[Items listed in a dataset]
------------------------------------

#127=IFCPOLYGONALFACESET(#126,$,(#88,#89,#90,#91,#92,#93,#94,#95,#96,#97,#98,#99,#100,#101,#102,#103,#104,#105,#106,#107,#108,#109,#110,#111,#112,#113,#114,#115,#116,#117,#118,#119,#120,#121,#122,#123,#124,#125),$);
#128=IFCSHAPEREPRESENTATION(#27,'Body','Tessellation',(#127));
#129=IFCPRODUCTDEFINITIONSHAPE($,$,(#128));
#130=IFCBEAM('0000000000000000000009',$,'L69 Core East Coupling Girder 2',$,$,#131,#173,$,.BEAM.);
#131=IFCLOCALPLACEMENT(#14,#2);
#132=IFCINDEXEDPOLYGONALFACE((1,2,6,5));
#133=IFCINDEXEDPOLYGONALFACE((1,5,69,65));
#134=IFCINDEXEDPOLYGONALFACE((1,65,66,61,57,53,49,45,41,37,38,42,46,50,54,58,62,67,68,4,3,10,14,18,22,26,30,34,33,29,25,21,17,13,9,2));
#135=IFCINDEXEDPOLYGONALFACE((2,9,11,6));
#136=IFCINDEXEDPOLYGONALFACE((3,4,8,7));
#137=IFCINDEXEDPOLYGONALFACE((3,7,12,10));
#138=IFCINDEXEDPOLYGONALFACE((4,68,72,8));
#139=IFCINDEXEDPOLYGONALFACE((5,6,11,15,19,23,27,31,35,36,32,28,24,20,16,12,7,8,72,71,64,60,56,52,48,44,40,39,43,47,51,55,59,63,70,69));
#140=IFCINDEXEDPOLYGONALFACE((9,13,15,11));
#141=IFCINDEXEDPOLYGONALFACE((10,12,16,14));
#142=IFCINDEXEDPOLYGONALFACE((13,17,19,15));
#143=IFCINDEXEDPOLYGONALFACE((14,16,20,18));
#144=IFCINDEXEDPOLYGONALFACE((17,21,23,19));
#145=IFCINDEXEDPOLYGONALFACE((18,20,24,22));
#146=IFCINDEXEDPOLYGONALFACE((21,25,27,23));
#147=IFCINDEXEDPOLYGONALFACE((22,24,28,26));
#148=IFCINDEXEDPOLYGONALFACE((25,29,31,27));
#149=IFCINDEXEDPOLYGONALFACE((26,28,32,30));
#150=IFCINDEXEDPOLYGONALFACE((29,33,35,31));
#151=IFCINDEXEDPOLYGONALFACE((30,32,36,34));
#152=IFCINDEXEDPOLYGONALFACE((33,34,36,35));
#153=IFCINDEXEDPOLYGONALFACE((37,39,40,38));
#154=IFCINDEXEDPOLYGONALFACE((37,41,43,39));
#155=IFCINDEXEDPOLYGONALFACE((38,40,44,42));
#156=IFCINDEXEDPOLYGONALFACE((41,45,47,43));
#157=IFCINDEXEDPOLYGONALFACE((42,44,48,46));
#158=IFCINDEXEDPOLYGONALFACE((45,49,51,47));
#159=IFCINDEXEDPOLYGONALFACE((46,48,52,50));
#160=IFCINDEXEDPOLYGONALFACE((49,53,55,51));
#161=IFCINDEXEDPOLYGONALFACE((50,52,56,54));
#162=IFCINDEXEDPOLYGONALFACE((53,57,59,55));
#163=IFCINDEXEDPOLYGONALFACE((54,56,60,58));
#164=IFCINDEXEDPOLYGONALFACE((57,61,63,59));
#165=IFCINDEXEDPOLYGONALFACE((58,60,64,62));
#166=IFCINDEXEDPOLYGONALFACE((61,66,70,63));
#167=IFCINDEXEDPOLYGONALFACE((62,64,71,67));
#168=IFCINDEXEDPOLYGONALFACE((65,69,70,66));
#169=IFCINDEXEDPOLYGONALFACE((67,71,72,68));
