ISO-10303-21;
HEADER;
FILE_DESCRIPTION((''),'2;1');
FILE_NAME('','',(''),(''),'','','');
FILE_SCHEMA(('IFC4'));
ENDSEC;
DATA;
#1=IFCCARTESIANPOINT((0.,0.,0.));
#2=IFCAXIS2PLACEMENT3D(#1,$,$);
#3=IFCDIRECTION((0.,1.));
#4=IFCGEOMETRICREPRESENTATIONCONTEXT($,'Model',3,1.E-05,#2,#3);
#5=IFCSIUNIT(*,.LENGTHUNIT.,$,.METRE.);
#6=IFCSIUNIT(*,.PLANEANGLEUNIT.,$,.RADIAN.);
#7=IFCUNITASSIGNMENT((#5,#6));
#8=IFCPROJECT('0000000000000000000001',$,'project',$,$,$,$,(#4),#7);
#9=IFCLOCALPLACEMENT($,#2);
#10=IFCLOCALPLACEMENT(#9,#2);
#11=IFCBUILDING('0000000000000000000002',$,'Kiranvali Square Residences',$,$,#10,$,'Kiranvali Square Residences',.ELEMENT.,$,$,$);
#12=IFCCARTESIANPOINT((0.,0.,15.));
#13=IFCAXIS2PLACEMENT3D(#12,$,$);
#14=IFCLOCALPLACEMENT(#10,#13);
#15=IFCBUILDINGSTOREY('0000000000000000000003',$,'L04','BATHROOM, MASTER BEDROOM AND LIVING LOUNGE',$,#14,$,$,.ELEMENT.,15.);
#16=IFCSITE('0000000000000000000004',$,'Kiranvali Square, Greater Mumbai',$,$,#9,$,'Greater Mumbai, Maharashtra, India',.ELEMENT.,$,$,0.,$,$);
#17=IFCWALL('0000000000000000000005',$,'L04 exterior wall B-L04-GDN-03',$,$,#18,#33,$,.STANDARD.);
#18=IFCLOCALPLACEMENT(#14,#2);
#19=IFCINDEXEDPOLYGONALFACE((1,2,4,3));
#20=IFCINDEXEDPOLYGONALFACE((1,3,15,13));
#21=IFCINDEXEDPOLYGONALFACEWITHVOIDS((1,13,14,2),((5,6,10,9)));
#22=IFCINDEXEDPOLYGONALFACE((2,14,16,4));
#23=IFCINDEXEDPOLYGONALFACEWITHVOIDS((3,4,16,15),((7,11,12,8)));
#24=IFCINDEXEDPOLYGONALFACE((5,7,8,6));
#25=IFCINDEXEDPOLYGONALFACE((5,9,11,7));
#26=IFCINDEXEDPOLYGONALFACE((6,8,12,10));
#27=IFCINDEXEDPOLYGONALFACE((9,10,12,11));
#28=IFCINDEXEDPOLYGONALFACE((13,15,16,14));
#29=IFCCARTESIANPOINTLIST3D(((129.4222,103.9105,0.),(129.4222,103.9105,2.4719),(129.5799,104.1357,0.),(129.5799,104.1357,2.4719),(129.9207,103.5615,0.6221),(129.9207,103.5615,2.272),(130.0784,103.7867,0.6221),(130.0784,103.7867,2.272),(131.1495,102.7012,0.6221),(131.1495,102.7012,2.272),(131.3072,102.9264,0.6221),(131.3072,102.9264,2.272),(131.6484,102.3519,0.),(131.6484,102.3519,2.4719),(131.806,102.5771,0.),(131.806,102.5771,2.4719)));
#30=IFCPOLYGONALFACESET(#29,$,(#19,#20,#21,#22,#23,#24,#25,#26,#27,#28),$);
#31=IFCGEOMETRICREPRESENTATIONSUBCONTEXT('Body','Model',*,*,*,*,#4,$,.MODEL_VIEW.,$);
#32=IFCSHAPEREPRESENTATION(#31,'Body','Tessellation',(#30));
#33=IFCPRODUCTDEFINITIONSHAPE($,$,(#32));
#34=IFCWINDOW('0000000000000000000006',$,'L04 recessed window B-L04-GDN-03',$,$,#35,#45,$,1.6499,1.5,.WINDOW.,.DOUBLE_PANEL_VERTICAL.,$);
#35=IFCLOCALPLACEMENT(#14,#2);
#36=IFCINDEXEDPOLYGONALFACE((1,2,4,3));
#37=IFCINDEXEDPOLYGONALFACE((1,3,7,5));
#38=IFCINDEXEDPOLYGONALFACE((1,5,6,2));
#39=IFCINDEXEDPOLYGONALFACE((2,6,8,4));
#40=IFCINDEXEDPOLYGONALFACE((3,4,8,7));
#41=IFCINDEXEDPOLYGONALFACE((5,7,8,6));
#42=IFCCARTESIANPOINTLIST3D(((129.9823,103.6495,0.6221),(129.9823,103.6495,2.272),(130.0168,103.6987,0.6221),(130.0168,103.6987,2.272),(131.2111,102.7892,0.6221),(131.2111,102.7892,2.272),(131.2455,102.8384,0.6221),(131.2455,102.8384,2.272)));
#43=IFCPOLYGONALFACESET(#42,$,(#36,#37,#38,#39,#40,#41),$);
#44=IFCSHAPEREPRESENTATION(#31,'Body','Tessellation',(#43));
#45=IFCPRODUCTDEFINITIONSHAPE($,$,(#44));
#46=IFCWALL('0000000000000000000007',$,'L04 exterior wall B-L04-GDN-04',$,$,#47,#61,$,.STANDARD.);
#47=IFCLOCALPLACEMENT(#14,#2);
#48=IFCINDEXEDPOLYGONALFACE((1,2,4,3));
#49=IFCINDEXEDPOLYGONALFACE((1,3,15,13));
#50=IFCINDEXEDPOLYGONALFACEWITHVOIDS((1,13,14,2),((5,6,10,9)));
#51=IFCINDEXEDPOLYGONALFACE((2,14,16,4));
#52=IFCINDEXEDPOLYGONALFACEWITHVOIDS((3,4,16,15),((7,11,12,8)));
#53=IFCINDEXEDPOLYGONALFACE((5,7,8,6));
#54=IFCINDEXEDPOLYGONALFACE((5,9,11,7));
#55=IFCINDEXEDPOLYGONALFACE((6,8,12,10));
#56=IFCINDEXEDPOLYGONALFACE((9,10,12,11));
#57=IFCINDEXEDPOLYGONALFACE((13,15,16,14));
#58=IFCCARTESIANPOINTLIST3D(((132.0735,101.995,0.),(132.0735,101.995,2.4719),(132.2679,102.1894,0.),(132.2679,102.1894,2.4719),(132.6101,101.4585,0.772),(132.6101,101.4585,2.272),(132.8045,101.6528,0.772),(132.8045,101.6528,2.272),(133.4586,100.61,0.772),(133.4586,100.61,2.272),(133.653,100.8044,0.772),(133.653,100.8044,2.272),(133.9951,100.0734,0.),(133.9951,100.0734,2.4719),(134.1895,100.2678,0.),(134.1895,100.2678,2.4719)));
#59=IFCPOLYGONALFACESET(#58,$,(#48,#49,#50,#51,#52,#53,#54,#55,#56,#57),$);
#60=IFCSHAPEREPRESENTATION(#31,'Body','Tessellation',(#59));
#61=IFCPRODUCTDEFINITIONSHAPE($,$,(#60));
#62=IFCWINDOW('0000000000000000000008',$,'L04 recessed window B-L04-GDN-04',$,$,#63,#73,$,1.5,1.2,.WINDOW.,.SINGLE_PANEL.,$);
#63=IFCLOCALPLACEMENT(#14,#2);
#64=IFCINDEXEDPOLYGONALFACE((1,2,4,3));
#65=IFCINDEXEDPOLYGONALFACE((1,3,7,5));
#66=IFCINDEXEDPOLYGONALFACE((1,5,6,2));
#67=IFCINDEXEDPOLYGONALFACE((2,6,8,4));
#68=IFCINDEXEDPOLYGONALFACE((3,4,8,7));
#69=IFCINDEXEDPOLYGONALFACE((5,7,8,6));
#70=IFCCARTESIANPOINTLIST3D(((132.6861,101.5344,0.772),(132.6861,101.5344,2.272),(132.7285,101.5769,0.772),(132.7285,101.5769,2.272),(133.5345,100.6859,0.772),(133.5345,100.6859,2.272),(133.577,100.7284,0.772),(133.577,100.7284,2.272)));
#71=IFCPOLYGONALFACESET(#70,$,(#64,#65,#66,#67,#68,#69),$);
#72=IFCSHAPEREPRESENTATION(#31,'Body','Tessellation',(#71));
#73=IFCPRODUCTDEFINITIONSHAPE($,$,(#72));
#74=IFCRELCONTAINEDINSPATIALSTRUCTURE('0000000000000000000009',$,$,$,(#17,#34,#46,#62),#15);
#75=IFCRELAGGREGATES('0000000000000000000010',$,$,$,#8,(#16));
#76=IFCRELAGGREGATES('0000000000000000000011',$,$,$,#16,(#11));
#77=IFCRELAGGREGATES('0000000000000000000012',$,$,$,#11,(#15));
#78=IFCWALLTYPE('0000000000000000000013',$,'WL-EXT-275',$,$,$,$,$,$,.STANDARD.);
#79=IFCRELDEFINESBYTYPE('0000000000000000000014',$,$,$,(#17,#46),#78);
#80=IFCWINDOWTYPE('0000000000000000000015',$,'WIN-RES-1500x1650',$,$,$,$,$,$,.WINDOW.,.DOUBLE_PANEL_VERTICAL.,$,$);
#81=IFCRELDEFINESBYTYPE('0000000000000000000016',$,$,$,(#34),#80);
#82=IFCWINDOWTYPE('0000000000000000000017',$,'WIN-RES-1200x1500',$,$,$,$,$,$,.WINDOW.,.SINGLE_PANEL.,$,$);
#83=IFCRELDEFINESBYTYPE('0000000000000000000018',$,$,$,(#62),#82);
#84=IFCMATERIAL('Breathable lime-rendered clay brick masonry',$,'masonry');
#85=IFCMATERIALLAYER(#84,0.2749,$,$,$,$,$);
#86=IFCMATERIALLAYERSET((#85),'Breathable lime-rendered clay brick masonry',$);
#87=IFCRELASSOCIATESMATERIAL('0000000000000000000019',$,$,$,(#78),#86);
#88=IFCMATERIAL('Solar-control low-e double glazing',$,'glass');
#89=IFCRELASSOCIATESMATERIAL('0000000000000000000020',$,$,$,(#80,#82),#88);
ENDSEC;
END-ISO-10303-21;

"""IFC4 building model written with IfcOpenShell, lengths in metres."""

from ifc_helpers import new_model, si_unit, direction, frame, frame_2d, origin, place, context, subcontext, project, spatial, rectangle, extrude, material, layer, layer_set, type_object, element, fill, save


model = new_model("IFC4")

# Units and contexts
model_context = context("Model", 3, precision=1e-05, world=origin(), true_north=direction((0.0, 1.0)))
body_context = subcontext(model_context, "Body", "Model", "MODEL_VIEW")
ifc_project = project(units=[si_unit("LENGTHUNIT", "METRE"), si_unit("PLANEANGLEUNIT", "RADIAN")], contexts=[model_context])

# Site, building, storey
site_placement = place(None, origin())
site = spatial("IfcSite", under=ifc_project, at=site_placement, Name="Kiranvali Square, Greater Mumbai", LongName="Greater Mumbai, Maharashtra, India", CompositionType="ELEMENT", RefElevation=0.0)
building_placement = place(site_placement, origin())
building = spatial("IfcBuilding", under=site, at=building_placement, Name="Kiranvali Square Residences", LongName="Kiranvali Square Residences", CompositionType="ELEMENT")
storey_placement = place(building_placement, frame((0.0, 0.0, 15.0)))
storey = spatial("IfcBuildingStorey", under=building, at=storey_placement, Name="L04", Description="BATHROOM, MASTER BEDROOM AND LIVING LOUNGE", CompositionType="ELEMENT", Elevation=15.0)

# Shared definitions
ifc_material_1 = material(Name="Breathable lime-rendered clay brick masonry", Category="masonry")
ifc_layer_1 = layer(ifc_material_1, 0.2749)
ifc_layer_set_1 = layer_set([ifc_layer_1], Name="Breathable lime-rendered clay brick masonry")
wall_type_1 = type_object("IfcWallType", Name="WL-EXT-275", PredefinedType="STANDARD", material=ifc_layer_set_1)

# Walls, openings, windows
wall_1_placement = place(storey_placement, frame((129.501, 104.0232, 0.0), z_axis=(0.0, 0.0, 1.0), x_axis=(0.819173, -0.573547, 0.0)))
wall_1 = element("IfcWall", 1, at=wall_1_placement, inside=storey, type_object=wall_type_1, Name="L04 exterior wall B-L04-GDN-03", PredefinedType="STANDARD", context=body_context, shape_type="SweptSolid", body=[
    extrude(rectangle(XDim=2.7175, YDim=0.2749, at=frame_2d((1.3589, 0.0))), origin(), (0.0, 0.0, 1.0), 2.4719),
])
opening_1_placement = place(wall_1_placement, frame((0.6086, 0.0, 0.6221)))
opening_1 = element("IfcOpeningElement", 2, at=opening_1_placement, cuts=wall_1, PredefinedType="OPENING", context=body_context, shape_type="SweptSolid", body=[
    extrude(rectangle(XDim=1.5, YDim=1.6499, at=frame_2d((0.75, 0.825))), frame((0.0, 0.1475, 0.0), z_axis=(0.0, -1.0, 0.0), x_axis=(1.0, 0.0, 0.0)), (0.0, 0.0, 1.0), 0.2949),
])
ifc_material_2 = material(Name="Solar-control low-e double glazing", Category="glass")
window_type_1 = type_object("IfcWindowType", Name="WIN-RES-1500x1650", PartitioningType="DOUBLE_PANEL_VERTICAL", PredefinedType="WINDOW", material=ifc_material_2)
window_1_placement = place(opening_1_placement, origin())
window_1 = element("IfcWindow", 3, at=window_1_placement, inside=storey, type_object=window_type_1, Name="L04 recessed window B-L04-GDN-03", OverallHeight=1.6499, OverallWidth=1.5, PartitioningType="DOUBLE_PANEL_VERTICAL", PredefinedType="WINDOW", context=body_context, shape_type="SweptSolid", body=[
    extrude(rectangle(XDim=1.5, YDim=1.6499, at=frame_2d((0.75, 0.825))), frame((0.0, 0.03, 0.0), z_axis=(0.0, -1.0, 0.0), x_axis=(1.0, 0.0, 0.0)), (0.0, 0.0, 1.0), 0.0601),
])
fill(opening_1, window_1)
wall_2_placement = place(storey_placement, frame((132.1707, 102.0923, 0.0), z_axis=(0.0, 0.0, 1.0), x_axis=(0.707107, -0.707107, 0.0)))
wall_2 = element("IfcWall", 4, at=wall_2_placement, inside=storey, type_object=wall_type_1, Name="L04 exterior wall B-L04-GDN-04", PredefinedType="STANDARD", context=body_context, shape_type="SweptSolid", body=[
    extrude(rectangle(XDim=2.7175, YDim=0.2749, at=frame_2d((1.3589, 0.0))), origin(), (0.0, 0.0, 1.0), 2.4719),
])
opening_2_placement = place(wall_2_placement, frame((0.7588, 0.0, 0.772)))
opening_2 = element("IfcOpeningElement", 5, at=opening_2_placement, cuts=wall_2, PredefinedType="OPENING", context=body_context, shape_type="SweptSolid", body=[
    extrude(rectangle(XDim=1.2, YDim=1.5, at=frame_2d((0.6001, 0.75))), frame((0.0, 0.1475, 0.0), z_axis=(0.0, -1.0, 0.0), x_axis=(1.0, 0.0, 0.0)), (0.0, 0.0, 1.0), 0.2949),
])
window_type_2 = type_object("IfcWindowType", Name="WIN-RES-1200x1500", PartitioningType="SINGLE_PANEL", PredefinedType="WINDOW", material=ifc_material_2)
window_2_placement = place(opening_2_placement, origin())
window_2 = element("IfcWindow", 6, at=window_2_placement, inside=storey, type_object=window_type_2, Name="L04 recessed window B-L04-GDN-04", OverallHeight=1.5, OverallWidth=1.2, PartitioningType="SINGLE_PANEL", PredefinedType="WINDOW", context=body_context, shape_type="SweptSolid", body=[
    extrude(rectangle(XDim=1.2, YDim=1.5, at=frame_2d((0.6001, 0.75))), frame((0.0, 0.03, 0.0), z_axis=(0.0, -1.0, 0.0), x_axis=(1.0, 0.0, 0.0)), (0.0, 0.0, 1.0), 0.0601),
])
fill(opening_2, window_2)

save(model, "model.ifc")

------------------------------------

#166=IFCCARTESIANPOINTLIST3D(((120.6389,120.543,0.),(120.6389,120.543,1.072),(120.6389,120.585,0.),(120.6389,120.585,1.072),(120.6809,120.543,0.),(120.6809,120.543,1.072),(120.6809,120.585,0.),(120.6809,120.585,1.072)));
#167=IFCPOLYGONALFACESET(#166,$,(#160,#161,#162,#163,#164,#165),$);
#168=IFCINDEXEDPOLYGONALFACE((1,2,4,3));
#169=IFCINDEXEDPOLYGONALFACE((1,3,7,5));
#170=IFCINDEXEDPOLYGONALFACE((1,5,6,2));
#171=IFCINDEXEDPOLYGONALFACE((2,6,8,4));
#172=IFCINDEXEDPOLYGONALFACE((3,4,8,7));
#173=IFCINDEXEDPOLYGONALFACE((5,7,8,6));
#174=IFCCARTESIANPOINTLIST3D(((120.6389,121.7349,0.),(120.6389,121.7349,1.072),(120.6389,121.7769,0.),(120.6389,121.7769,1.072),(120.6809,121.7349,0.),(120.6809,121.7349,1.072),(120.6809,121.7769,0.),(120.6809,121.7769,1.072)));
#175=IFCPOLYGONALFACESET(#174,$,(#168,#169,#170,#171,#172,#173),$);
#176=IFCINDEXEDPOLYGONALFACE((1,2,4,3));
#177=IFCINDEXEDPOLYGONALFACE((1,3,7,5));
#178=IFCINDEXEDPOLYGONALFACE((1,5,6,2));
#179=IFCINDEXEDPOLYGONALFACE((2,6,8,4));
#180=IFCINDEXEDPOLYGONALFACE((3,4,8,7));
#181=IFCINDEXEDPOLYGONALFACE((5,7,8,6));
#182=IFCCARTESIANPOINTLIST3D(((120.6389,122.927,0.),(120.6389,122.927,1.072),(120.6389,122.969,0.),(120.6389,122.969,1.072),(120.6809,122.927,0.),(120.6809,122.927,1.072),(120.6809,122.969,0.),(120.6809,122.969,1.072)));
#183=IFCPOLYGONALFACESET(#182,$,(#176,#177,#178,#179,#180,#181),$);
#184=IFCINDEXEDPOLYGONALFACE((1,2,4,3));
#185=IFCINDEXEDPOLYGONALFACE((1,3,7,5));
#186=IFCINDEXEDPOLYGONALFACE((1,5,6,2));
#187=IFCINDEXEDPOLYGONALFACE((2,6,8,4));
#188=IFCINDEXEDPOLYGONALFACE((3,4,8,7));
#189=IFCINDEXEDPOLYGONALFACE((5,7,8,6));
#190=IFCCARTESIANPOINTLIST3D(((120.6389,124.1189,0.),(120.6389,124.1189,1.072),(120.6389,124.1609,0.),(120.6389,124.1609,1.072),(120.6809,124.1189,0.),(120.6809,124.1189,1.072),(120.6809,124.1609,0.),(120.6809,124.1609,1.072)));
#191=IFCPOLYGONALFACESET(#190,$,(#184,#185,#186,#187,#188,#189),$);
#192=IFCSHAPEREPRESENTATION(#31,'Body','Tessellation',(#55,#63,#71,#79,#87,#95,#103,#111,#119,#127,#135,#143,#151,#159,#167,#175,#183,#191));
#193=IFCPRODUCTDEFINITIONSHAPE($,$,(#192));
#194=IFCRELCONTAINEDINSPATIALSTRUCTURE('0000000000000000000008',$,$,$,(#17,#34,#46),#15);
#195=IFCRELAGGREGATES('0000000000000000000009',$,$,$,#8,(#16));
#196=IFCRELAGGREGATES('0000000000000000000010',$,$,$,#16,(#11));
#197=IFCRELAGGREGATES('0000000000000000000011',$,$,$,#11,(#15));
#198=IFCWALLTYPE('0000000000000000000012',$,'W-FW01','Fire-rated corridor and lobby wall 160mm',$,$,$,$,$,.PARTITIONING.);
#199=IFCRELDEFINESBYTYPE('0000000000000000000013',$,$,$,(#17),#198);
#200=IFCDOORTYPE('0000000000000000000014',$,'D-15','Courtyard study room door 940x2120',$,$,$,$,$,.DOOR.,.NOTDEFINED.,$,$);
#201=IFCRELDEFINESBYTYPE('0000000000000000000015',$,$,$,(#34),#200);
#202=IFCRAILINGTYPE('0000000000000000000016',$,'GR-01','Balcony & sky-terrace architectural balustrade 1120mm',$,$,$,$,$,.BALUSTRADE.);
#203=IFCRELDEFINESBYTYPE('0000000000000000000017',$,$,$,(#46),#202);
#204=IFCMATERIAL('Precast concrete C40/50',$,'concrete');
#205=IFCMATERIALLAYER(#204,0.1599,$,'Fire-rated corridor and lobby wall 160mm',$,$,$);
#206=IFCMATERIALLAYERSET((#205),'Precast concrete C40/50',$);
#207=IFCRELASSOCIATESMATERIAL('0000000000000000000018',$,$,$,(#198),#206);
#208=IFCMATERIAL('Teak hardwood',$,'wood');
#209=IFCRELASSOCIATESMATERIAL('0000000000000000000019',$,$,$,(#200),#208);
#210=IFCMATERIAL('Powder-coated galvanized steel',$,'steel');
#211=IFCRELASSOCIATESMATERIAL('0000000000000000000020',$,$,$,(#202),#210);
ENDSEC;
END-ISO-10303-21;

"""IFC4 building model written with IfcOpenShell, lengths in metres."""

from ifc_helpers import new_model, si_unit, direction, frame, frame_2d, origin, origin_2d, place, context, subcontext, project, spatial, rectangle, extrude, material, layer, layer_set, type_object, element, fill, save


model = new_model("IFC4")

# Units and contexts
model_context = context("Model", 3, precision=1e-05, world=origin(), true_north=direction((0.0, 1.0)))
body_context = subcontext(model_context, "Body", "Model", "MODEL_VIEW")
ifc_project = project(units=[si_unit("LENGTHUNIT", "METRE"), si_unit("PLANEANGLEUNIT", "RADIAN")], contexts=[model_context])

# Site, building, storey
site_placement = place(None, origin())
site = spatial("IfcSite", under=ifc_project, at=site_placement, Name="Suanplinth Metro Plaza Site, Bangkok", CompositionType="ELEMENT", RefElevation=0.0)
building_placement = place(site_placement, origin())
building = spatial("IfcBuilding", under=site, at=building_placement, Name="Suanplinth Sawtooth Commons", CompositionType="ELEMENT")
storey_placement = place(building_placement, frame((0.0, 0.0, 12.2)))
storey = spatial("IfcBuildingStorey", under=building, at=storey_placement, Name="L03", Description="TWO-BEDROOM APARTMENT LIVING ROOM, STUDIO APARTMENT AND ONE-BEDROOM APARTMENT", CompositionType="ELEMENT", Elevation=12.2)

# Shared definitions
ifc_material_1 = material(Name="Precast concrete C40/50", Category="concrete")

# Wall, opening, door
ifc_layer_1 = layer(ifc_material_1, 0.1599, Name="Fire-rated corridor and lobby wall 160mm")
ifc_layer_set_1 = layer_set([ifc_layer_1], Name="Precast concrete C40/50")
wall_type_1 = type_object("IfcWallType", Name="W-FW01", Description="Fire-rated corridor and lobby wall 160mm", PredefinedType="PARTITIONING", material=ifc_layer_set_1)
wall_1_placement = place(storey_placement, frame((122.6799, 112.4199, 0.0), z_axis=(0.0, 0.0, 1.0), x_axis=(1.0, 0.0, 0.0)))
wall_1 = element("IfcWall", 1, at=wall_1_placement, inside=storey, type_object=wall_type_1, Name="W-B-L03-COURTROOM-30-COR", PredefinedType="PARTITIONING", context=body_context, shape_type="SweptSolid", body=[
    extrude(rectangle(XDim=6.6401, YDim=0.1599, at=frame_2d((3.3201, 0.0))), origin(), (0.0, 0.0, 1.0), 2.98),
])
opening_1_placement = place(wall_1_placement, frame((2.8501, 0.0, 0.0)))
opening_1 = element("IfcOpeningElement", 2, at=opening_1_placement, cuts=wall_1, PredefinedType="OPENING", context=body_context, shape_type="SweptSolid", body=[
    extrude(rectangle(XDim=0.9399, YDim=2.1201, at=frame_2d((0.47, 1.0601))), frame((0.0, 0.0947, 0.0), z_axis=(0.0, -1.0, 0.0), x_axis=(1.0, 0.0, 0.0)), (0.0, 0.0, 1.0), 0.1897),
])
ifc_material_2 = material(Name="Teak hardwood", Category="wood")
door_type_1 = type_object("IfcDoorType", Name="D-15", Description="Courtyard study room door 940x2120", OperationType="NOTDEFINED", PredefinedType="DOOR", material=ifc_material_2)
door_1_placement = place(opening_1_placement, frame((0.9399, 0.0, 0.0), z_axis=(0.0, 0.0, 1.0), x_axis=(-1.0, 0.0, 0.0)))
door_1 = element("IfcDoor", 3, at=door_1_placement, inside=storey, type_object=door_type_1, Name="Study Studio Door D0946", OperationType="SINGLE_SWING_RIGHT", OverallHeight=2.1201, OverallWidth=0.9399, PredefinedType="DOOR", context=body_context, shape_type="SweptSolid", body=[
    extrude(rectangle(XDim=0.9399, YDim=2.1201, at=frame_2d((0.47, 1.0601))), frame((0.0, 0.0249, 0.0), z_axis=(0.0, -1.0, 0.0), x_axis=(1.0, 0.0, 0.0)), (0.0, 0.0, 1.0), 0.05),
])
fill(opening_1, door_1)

------------------------------------

* _Brief_: Taking the entries above, print exactly the lines starting at the line with "#150=IFCINDEXEDPOLYGONALFACE((29,33,35,31));" and ending at the line with "FILE_DESCRIPTION((''),'2;1');", both included.

* _Response to this exercise_:
#150=IFCINDEXEDPOLYGONALFACE((29,33,35,31));
#151=IFCINDEXEDPOLYGONALFACE((30,32,36,34));
#152=IFCINDEXEDPOLYGONALFACE((33,34,36,35));
#153=IFCINDEXEDPOLYGONALFACE((37,39,40,38));
#154=IFCINDEXEDPOLYGONALFACE((37,41,43,39));
#155=IFCINDEXEDPOLYGONALFACE((38,40,44,42));
#156=IFCINDEXEDPOLYGONALFACE((41,45,47,43));
#157=IFCINDEXEDPOLYGONALFACE((42,44,48,46));
#158=IFCINDEXEDPOLYGONALFACE((45,49,51,47));
#159=IFCINDEXEDPOLYGONALFACE((46,48,52,50));
#160=IFCINDEXEDPOLYGONALFACE((49,53,55,51));
#161=IFCINDEXEDPOLYGONALFACE((50,52,56,54));
#162=IFCINDEXEDPOLYGONALFACE((53,57,59,55));
#163=IFCINDEXEDPOLYGONALFACE((54,56,60,58));
#164=IFCINDEXEDPOLYGONALFACE((57,61,63,59));
#165=IFCINDEXEDPOLYGONALFACE((58,60,64,62));
#166=IFCINDEXEDPOLYGONALFACE((61,66,70,63));
#167=IFCINDEXEDPOLYGONALFACE((62,64,71,67));
#168=IFCINDEXEDPOLYGONALFACE((65,69,70,66));
#169=IFCINDEXEDPOLYGONALFACE((67,71,72,68));
ISO-10303-21;
HEADER;
FILE_DESCRIPTION((''),'2;1');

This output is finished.